Where does the word "Court" appear in the entries below? Copy each line that holds it.

- - - -

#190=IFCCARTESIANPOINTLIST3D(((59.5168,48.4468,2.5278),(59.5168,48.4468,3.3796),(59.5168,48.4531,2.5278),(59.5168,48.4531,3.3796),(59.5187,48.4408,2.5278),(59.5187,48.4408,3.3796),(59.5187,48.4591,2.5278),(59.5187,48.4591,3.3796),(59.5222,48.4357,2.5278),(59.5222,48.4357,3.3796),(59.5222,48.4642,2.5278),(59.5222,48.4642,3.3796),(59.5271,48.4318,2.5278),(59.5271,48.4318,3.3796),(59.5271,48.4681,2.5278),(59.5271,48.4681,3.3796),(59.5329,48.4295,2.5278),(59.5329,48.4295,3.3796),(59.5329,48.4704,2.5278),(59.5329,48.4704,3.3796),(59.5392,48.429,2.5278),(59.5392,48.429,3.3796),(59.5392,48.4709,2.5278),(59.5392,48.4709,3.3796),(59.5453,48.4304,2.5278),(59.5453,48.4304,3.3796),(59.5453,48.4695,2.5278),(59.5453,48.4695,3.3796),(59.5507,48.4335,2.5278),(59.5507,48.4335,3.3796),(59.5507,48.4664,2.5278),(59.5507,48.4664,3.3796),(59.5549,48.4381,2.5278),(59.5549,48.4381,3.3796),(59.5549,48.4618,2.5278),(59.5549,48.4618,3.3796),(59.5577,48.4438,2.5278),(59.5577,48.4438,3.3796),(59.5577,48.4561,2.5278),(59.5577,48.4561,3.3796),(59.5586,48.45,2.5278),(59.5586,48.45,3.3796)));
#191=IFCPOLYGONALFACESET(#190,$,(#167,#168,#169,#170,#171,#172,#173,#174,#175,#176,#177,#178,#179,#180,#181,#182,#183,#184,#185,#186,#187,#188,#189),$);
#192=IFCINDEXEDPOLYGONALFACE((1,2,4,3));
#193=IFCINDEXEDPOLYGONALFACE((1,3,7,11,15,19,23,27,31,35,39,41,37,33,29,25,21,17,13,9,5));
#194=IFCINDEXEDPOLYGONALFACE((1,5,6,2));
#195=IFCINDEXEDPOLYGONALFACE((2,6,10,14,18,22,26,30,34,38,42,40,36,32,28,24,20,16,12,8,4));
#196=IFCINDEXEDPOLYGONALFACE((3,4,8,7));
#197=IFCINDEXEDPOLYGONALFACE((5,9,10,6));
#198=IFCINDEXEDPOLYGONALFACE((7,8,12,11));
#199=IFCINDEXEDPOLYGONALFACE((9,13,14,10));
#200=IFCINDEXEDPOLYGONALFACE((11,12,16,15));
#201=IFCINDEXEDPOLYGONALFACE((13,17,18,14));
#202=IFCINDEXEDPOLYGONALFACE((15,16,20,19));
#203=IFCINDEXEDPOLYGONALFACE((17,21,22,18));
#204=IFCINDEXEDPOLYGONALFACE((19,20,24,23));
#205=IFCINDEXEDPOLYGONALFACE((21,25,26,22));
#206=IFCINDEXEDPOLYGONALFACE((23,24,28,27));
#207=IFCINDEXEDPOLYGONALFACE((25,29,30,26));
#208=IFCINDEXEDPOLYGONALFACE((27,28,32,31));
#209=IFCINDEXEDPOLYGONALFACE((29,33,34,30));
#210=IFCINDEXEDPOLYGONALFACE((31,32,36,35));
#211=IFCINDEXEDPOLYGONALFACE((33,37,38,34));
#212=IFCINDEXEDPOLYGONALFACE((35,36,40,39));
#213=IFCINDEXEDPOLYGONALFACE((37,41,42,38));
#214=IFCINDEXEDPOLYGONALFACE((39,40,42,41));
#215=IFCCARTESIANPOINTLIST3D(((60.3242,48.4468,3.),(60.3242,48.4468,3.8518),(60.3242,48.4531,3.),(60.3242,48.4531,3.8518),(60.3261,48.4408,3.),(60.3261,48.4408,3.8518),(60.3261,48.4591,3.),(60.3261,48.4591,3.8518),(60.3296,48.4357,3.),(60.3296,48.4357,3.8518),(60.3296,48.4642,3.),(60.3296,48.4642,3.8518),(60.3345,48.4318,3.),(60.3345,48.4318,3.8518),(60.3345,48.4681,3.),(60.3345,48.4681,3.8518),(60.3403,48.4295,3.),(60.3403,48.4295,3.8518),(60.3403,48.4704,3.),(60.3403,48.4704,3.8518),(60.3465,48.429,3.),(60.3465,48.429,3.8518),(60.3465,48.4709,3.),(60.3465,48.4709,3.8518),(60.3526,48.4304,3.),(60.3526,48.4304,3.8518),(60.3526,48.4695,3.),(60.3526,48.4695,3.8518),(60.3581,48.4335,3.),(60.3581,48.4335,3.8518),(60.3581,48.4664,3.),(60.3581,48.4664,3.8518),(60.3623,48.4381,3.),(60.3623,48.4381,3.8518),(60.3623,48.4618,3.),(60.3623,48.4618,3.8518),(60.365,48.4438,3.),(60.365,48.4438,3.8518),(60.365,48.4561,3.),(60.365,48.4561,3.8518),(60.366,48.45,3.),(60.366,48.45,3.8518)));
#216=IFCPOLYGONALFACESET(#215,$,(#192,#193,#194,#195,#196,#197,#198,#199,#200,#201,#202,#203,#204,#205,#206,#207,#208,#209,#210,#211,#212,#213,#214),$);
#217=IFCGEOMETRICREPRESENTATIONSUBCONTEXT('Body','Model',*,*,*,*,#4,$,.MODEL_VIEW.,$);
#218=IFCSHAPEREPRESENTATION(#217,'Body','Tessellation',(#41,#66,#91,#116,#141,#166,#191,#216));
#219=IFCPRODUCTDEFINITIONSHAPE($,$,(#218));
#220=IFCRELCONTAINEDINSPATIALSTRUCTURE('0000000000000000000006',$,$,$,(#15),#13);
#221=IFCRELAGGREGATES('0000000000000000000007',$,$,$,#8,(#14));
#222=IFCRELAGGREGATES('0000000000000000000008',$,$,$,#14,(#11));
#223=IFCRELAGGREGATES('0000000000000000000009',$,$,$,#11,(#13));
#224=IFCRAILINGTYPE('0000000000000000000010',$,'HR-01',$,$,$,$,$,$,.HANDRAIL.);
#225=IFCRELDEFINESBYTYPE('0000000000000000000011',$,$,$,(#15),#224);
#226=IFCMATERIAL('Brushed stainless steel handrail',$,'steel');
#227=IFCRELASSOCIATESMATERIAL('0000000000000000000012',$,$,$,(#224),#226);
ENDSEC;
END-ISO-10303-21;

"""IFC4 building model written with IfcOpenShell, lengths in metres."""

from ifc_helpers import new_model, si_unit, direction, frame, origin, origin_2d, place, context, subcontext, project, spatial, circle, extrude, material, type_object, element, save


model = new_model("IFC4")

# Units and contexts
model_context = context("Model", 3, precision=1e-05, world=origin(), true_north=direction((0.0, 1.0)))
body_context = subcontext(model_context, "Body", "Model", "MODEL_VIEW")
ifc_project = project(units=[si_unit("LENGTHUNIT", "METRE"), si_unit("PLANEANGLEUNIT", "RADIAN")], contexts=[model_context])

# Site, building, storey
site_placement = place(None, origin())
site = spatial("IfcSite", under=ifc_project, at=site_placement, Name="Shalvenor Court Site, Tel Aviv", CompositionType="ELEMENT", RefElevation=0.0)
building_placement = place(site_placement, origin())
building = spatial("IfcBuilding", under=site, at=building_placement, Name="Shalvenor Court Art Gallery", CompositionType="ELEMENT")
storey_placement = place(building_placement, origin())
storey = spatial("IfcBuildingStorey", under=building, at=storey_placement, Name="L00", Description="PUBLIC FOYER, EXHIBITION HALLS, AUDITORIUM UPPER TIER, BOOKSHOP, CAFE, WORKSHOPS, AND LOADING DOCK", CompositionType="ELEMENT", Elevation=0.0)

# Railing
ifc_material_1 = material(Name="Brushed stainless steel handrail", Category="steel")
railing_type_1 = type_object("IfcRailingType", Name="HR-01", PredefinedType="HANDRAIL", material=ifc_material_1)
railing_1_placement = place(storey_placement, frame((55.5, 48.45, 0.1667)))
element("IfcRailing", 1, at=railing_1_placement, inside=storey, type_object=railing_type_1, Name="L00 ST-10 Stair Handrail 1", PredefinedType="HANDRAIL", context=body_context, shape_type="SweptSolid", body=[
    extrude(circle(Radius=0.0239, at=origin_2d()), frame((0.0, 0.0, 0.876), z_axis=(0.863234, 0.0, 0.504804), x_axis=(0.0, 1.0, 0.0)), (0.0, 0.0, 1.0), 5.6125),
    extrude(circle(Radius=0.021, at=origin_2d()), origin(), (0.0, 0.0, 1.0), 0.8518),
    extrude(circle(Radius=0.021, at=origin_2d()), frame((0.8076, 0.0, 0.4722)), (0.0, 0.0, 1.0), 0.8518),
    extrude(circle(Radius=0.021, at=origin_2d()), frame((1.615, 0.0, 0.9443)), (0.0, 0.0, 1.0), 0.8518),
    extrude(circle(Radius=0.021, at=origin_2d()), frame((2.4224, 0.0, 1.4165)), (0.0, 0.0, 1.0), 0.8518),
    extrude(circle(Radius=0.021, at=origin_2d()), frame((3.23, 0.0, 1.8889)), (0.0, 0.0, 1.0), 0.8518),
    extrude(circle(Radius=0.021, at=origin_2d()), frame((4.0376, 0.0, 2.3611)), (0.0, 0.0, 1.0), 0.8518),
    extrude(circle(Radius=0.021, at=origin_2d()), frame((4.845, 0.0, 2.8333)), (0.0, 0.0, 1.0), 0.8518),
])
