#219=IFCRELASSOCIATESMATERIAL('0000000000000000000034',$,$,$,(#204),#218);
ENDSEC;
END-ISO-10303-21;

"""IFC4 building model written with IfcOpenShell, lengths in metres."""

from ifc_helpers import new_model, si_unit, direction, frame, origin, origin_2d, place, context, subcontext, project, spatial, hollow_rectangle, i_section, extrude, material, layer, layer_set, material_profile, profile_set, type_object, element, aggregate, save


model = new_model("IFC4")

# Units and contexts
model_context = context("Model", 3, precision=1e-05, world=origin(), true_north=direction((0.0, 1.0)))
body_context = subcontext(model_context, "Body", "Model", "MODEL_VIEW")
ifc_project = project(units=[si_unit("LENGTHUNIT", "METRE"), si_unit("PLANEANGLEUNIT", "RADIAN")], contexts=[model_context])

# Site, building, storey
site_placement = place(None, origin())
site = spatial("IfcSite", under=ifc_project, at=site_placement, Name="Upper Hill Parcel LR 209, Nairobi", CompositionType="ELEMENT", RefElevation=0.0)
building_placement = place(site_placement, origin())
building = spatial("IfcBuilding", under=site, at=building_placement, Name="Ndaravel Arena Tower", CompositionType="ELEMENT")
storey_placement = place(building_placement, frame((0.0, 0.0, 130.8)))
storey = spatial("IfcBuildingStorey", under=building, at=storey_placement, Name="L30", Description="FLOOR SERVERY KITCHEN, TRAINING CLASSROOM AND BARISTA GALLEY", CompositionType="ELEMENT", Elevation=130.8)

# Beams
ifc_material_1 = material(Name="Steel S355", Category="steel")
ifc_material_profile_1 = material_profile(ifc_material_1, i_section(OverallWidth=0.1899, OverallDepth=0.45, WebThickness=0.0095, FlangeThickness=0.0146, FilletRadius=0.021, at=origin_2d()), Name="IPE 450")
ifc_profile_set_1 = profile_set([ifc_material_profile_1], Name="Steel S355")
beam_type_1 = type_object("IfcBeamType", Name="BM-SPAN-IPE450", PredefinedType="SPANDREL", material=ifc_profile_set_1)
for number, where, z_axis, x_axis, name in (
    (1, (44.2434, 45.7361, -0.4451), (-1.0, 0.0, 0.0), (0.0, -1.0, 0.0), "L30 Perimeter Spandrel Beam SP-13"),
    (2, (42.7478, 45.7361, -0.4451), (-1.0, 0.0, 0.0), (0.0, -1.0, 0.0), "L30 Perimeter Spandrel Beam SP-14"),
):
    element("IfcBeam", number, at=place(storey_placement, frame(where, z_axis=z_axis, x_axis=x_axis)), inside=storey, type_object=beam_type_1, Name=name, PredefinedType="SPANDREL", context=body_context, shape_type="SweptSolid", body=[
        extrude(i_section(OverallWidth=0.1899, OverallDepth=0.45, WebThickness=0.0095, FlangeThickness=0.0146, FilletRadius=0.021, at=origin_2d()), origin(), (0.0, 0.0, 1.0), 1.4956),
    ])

- - - -

### WRITTEN RESPONSE
site = spatial("IfcSite", under=ifc_project, at=site_placement, Name="Shalvenor Court Site, Tel Aviv", CompositionType="ELEMENT", RefElevation=0.0)
building = spatial("IfcBuilding", under=site, at=building_placement, Name="Shalvenor Court Art Gallery", CompositionType="ELEMENT")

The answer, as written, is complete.